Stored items
=====

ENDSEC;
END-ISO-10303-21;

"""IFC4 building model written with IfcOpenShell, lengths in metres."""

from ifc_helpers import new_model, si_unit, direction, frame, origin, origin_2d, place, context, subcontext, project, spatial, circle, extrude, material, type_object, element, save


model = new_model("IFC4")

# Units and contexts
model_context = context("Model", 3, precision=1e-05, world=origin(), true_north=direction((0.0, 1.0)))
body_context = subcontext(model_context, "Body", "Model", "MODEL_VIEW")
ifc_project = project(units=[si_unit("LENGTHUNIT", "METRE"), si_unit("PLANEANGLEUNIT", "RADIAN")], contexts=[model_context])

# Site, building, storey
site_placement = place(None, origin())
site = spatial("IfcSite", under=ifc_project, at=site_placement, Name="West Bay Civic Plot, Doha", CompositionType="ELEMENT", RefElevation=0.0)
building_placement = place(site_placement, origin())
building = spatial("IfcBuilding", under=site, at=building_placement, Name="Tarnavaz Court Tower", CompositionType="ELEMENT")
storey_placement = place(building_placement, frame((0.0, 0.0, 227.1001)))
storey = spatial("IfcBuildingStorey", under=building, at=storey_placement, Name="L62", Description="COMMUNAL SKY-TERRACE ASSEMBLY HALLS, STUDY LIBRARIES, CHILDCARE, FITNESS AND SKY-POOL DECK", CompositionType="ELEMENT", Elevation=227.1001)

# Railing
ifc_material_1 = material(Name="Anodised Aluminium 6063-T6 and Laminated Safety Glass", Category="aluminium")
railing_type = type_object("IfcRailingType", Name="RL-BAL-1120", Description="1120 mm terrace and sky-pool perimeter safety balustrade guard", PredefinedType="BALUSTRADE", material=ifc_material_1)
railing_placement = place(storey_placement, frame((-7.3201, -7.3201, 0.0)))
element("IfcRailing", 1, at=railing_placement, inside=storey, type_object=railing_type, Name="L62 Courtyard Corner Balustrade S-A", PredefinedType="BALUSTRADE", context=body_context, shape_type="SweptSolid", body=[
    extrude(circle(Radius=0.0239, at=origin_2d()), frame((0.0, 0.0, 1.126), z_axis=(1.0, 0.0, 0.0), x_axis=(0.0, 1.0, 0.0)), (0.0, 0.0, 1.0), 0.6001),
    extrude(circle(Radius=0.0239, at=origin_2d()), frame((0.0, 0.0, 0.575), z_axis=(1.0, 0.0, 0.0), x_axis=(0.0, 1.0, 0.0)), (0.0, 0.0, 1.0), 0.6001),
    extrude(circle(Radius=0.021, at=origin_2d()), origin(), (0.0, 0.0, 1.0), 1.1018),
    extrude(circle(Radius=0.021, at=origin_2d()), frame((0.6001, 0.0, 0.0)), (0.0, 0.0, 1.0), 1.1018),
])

=====

• [YOUR ASSIGNMENT]
The expected answer is each line of the records above that includes the string "material".

• [ANSWER FOR THIS EXERCISE]
from ifc_helpers import new_model, si_unit, direction, frame, origin, origin_2d, place, context, subcontext, project, spatial, circle, extrude, material, type_object, element, save
ifc_material_1 = material(Name="Anodised Aluminium 6063-T6 and Laminated Safety Glass", Category="aluminium")
railing_type = type_object("IfcRailingType", Name="RL-BAL-1120", Description="1120 mm terrace and sky-pool perimeter safety balustrade guard", PredefinedType="BALUSTRADE", material=ifc_material_1)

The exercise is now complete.